* [Problem details]:
Write out, word for word, the first line of the data below and every line after it through the one containing "#225=IFCINDEXEDPOLYGONALFACE((5,7,8,6));".
-----
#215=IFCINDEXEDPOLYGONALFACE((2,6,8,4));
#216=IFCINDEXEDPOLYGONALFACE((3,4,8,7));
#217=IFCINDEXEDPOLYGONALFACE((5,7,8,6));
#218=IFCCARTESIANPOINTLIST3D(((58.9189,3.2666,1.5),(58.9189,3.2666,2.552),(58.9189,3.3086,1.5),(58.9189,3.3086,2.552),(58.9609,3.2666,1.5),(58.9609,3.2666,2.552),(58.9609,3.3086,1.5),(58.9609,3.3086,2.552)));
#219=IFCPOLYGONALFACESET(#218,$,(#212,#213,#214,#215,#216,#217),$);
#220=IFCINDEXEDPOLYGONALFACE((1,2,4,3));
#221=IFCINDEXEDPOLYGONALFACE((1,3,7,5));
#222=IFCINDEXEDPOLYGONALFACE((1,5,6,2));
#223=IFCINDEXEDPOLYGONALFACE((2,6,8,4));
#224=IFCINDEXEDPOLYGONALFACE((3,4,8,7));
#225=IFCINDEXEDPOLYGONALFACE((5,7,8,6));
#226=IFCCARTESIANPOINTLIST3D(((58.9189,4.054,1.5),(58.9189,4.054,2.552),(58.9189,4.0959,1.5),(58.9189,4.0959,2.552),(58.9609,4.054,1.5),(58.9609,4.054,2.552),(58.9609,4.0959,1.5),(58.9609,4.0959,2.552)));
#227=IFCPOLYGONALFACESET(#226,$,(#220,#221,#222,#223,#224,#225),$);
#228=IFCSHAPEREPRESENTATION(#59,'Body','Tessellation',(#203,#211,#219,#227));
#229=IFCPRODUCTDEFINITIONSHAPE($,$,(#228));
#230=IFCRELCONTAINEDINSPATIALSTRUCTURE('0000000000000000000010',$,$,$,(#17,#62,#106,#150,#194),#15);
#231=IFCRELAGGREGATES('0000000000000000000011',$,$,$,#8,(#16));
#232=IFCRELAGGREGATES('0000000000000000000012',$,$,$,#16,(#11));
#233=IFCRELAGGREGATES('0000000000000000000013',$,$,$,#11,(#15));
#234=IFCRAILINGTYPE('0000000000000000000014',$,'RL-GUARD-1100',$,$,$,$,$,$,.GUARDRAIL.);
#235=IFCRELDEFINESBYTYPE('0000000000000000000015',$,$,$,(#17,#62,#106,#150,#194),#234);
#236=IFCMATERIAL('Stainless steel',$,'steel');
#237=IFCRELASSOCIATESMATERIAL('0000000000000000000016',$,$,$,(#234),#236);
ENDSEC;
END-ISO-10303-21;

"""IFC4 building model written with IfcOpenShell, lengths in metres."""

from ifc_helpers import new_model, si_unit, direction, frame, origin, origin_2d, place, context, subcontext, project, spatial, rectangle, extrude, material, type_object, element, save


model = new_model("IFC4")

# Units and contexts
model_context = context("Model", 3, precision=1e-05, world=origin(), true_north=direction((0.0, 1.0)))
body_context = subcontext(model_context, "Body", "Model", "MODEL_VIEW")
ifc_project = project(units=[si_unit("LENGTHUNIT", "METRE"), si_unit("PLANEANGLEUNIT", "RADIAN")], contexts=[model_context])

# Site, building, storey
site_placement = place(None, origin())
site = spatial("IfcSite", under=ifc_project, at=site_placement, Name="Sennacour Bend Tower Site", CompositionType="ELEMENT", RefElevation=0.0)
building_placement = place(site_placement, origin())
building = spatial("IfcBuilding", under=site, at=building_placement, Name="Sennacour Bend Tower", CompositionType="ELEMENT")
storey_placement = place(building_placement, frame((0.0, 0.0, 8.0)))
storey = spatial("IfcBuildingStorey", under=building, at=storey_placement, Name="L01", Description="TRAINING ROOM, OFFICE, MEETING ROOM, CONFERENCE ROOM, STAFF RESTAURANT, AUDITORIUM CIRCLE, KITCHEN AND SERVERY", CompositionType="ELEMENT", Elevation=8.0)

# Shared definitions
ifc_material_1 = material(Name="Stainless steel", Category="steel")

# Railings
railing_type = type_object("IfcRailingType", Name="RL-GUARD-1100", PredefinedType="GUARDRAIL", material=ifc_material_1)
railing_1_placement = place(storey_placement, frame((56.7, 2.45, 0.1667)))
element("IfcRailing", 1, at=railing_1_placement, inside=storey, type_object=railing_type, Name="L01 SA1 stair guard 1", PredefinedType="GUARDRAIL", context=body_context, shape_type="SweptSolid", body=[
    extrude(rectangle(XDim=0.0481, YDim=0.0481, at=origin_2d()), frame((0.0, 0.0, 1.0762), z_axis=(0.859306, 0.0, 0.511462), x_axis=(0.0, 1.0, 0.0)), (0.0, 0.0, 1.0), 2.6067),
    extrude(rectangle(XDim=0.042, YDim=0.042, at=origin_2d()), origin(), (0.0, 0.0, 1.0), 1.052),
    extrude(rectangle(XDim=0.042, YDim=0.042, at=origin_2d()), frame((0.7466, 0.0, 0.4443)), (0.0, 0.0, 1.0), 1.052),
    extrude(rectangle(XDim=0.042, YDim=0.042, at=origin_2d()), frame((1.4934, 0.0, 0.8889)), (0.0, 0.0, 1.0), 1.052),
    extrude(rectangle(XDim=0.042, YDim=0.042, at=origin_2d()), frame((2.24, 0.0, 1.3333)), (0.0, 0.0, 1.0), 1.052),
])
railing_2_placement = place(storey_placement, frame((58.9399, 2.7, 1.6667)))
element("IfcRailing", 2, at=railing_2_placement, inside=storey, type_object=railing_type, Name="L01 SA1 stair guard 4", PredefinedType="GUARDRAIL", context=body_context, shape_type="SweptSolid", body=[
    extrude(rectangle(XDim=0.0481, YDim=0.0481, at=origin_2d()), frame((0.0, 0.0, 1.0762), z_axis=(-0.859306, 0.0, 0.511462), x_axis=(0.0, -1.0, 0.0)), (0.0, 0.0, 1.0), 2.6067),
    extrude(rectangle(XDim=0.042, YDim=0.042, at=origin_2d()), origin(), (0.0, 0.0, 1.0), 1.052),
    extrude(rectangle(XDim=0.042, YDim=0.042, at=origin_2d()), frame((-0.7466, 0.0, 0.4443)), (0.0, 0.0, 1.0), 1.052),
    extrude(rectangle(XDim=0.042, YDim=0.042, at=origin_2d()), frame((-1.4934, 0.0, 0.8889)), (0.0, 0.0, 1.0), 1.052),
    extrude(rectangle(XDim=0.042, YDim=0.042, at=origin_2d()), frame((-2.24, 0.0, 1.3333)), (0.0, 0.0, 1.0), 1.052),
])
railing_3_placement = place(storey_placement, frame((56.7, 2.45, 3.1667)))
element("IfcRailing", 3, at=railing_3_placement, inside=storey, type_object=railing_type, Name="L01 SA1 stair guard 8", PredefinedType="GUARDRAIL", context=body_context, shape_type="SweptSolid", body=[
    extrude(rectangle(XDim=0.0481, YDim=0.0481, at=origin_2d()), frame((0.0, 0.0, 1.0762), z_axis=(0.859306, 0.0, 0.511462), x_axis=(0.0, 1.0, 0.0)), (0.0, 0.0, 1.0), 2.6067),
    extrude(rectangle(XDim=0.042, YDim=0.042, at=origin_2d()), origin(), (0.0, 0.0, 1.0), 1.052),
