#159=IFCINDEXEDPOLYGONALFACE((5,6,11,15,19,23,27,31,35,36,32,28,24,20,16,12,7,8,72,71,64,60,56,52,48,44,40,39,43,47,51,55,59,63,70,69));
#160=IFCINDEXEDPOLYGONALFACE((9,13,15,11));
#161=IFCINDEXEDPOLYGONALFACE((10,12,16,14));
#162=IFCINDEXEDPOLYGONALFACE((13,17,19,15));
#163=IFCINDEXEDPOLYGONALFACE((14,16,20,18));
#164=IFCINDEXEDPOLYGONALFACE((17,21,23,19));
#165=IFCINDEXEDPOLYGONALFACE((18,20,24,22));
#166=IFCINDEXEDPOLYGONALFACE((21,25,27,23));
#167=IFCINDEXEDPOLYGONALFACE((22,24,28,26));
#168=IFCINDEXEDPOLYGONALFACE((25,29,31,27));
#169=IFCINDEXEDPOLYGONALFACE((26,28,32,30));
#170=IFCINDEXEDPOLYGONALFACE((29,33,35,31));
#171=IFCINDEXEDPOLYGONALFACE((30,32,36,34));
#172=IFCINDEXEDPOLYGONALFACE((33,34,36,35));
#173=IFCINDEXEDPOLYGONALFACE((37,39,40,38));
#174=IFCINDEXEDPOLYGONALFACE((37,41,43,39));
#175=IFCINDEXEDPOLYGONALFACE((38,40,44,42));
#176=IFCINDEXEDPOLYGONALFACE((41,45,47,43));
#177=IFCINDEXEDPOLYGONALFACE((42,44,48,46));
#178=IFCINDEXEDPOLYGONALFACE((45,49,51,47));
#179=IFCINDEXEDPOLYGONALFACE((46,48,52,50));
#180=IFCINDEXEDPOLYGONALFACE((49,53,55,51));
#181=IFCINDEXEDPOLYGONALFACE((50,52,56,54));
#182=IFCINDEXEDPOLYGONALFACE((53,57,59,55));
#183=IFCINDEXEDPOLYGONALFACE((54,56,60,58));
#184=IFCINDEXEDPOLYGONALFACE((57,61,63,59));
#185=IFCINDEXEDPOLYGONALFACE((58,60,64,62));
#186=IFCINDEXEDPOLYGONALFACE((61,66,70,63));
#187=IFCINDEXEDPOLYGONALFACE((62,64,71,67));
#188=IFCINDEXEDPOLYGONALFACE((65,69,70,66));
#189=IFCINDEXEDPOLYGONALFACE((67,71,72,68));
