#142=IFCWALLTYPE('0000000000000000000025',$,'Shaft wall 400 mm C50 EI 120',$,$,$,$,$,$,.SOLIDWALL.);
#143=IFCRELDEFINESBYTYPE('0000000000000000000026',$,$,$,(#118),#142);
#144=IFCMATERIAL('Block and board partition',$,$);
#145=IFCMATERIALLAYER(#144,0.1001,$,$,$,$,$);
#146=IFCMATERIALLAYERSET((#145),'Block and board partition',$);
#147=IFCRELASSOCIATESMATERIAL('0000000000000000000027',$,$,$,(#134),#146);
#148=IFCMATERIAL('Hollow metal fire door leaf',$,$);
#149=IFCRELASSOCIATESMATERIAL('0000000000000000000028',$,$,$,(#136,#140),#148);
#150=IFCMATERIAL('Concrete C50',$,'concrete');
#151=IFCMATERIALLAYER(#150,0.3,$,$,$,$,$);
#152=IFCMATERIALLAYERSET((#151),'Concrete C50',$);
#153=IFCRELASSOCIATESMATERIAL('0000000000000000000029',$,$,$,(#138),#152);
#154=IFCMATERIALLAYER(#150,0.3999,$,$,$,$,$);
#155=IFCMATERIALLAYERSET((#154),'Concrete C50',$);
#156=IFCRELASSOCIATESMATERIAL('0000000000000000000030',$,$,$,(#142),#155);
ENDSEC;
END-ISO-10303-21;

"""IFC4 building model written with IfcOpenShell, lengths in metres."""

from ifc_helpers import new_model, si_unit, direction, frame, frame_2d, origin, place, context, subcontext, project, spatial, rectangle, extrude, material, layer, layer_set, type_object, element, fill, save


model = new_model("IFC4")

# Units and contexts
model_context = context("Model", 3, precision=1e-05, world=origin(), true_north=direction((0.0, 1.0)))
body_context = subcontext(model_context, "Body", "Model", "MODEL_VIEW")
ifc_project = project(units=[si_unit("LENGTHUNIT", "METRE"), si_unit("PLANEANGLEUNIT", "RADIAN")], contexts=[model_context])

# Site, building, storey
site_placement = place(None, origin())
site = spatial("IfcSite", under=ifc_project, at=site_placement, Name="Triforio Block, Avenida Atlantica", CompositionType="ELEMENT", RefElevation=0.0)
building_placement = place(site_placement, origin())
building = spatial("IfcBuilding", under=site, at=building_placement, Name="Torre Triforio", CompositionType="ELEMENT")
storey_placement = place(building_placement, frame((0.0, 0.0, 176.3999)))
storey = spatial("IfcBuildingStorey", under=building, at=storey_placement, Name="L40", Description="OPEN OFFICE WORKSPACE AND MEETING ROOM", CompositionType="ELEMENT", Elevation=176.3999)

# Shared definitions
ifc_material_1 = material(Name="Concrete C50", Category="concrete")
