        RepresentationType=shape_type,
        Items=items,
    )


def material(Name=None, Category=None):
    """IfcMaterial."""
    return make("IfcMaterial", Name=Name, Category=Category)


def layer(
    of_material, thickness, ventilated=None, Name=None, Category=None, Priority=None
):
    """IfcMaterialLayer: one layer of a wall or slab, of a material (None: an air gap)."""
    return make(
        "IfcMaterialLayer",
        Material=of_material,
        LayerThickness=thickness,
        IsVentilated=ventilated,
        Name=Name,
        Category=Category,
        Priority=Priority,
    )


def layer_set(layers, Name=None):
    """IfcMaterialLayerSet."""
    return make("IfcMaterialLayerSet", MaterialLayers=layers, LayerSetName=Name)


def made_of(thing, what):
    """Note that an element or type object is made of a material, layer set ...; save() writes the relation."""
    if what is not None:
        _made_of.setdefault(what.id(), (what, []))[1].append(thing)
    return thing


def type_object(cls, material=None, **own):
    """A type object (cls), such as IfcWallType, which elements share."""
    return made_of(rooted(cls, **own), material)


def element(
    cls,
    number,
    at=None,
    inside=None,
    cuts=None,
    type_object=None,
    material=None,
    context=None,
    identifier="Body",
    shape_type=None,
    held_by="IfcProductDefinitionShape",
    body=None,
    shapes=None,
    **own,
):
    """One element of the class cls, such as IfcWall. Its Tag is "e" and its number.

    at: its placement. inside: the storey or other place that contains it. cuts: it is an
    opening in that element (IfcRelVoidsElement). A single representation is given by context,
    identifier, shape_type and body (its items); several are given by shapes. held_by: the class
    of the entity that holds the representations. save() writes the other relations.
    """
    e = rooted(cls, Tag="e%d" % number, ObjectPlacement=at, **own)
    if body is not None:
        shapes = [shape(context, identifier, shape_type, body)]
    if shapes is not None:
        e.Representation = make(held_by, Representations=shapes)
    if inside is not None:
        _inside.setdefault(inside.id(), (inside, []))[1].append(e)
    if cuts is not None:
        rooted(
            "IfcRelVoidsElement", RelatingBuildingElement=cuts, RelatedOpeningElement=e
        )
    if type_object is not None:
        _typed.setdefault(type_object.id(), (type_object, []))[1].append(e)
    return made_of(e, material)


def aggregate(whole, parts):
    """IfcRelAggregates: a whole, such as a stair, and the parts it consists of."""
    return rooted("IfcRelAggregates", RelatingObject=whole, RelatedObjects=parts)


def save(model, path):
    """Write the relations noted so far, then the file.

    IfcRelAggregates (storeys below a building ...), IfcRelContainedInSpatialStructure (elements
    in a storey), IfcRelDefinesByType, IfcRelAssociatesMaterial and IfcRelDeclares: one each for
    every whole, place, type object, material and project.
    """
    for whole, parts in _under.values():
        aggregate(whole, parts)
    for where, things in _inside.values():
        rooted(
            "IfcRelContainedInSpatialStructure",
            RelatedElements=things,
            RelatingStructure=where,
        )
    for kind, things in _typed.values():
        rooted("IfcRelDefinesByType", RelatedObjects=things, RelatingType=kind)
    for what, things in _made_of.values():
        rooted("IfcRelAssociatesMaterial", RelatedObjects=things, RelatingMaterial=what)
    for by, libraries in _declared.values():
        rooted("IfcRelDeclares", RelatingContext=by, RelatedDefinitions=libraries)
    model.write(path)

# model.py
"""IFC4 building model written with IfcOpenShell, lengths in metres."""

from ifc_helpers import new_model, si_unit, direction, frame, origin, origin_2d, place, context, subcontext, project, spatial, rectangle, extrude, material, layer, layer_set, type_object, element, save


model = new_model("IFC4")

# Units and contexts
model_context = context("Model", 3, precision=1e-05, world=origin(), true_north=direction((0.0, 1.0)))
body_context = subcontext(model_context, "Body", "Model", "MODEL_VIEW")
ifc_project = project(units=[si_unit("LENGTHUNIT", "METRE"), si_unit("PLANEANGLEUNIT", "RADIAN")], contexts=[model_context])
-----
* [Written response]:
#215=IFCINDEXEDPOLYGONALFACE((2,6,8,4));
#216=IFCINDEXEDPOLYGONALFACE((3,4,8,7));
#217=IFCINDEXEDPOLYGONALFACE((5,7,8,6));
#218=IFCCARTESIANPOINTLIST3D(((58.9189,3.2666,1.5),(58.9189,3.2666,2.552),(58.9189,3.3086,1.5),(58.9189,3.3086,2.552),(58.9609,3.2666,1.5),(58.9609,3.2666,2.552),(58.9609,3.3086,1.5),(58.9609,3.3086,2.552)));
#219=IFCPOLYGONALFACESET(#218,$,(#212,#213,#214,#215,#216,#217),$);
#220=IFCINDEXEDPOLYGONALFACE((1,2,4,3));
#221=IFCINDEXEDPOLYGONALFACE((1,3,7,5));
#222=IFCINDEXEDPOLYGONALFACE((1,5,6,2));
#223=IFCINDEXEDPOLYGONALFACE((2,6,8,4));
#224=IFCINDEXEDPOLYGONALFACE((3,4,8,7));
#225=IFCINDEXEDPOLYGONALFACE((5,7,8,6));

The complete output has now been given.